WORK TO COMPLETE
Output only the lines that run from the one with "building_placement = place(site_placement, origin())" to the final line of the material, exactly as they are written.

GIVEN RECORDS

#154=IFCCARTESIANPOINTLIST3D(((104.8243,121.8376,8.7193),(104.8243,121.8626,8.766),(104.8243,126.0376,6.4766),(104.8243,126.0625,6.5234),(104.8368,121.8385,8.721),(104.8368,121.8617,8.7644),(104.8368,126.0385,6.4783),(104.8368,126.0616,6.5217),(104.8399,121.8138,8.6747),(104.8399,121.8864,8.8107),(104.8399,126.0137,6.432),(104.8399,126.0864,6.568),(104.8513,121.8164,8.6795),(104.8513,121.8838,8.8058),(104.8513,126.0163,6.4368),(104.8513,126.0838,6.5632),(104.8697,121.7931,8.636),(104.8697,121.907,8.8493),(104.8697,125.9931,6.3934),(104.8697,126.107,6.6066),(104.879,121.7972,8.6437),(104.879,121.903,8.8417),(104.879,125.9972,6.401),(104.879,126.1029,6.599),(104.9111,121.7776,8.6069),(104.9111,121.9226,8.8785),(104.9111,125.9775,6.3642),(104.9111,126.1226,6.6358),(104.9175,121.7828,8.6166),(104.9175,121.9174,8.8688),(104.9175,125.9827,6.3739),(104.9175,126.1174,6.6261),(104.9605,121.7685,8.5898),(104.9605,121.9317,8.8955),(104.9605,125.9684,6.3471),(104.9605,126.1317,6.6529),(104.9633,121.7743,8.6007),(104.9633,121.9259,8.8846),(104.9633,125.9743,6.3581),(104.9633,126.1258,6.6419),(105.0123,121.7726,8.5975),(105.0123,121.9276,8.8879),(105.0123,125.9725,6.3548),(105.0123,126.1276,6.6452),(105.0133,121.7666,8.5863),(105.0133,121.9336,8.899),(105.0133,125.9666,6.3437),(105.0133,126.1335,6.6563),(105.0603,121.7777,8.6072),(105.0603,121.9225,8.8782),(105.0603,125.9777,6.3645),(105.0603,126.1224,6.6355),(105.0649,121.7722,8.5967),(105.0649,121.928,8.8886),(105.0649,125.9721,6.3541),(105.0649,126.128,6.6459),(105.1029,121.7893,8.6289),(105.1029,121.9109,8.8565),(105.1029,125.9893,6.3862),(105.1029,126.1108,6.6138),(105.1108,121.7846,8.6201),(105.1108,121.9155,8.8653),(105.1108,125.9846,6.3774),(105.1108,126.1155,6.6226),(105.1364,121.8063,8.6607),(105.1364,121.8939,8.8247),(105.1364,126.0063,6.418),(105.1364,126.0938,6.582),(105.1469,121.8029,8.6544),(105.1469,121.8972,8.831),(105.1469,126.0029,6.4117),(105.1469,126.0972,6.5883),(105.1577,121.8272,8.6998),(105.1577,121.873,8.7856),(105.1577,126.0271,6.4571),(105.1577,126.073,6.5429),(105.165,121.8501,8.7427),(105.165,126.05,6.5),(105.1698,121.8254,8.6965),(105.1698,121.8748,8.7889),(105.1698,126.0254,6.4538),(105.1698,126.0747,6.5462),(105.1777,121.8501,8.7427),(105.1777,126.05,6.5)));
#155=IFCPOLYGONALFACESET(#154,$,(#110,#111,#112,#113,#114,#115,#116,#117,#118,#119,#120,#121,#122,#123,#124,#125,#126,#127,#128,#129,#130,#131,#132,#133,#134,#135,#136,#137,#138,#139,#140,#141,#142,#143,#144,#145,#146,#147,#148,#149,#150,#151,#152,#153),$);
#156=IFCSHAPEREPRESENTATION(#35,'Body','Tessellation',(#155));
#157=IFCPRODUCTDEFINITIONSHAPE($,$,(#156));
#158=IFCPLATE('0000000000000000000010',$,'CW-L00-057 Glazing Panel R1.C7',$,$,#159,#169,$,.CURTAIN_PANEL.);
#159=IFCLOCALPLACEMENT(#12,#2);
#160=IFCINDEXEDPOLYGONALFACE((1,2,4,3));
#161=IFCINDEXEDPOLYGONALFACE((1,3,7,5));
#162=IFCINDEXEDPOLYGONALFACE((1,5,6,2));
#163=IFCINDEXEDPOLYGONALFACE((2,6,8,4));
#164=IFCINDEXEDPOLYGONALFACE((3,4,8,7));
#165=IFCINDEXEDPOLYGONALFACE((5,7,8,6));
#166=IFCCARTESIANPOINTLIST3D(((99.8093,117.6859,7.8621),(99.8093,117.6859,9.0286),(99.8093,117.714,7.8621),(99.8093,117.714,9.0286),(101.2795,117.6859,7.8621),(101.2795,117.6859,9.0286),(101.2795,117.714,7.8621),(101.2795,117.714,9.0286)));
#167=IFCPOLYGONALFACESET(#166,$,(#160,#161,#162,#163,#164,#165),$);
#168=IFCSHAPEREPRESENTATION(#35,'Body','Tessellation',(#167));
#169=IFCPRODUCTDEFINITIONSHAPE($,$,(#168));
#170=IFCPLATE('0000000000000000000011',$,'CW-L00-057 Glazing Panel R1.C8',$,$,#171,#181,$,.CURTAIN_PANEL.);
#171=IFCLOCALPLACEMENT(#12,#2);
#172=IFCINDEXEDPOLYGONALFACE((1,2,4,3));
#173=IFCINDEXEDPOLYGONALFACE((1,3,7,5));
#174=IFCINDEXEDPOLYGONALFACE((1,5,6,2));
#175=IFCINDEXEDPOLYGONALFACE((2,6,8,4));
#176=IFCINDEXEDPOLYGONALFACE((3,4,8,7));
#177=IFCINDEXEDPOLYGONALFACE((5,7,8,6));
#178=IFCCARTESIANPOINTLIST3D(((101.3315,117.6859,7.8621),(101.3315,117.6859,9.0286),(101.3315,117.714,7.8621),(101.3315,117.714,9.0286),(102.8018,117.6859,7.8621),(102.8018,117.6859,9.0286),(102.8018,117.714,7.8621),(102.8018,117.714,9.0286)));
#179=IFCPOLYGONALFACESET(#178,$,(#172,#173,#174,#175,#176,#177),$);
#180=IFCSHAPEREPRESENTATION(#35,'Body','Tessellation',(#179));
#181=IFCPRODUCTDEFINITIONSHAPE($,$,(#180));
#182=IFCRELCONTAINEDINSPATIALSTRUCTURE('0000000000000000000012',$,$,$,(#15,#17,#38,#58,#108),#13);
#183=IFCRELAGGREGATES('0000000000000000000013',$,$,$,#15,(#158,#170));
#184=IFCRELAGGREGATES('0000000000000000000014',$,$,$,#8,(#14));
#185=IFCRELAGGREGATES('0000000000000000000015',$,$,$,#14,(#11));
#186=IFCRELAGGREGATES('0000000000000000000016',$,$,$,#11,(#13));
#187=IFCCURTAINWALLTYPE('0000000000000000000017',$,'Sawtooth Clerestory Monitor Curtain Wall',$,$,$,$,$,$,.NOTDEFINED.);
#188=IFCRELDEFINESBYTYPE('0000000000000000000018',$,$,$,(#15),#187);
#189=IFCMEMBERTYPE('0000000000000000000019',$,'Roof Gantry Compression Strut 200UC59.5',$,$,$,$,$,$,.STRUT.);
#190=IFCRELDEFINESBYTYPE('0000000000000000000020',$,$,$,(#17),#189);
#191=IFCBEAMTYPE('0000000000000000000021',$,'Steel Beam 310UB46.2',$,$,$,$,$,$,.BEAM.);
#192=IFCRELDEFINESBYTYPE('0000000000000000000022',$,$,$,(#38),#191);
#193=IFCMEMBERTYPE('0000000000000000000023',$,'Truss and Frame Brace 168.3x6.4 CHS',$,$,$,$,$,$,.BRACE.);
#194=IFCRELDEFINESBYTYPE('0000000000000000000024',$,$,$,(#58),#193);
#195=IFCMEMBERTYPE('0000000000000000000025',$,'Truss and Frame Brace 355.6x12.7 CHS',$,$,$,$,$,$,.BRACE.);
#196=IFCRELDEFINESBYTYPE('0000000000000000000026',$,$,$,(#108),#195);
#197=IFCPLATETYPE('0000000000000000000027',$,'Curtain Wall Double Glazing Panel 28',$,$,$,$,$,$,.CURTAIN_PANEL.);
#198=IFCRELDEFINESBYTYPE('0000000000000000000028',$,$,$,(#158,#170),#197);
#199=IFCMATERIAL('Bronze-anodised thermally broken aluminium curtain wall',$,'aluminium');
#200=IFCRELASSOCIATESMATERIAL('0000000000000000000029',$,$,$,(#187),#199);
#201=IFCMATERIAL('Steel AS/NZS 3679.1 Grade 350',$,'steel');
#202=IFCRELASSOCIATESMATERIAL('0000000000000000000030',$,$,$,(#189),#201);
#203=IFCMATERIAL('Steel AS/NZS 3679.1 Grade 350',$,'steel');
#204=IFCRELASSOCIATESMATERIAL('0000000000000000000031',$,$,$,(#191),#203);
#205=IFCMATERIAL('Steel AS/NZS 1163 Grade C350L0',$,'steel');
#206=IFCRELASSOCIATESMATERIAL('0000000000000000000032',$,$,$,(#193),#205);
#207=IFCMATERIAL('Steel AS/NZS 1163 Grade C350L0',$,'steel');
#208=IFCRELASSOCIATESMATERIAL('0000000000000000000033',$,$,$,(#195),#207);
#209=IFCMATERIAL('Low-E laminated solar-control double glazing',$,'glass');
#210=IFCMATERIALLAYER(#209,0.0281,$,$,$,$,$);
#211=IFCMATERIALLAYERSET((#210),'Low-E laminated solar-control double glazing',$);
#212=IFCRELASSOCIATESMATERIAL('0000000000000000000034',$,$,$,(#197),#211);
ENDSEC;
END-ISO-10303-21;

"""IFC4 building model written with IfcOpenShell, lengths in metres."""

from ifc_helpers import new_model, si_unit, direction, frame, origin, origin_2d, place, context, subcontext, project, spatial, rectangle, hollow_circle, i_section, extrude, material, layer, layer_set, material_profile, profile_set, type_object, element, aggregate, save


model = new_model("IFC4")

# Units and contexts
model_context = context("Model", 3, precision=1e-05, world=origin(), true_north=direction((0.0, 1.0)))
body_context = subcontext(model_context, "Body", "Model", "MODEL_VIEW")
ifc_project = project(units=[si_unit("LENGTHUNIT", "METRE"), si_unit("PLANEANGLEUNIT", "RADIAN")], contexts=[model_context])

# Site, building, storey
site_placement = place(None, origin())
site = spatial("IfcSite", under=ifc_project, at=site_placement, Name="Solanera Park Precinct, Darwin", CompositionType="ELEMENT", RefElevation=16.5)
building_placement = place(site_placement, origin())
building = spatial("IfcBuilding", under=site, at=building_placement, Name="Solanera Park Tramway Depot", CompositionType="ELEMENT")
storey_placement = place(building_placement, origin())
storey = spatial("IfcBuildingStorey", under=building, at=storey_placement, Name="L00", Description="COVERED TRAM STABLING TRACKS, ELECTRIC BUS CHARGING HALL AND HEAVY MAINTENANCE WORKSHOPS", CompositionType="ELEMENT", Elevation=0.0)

SOLVED EXERCISE
building_placement = place(site_placement, origin())
building = spatial("IfcBuilding", under=site, at=building_placement, Name="Solanera Park Tramway Depot", CompositionType="ELEMENT")
storey_placement = place(building_placement, origin())
storey = spatial("IfcBuildingStorey", under=building, at=storey_placement, Name="L00", Description="COVERED TRAM STABLING TRACKS, ELECTRIC BUS CHARGING HALL AND HEAVY MAINTENANCE WORKSHOPS", CompositionType="ELEMENT", Elevation=0.0)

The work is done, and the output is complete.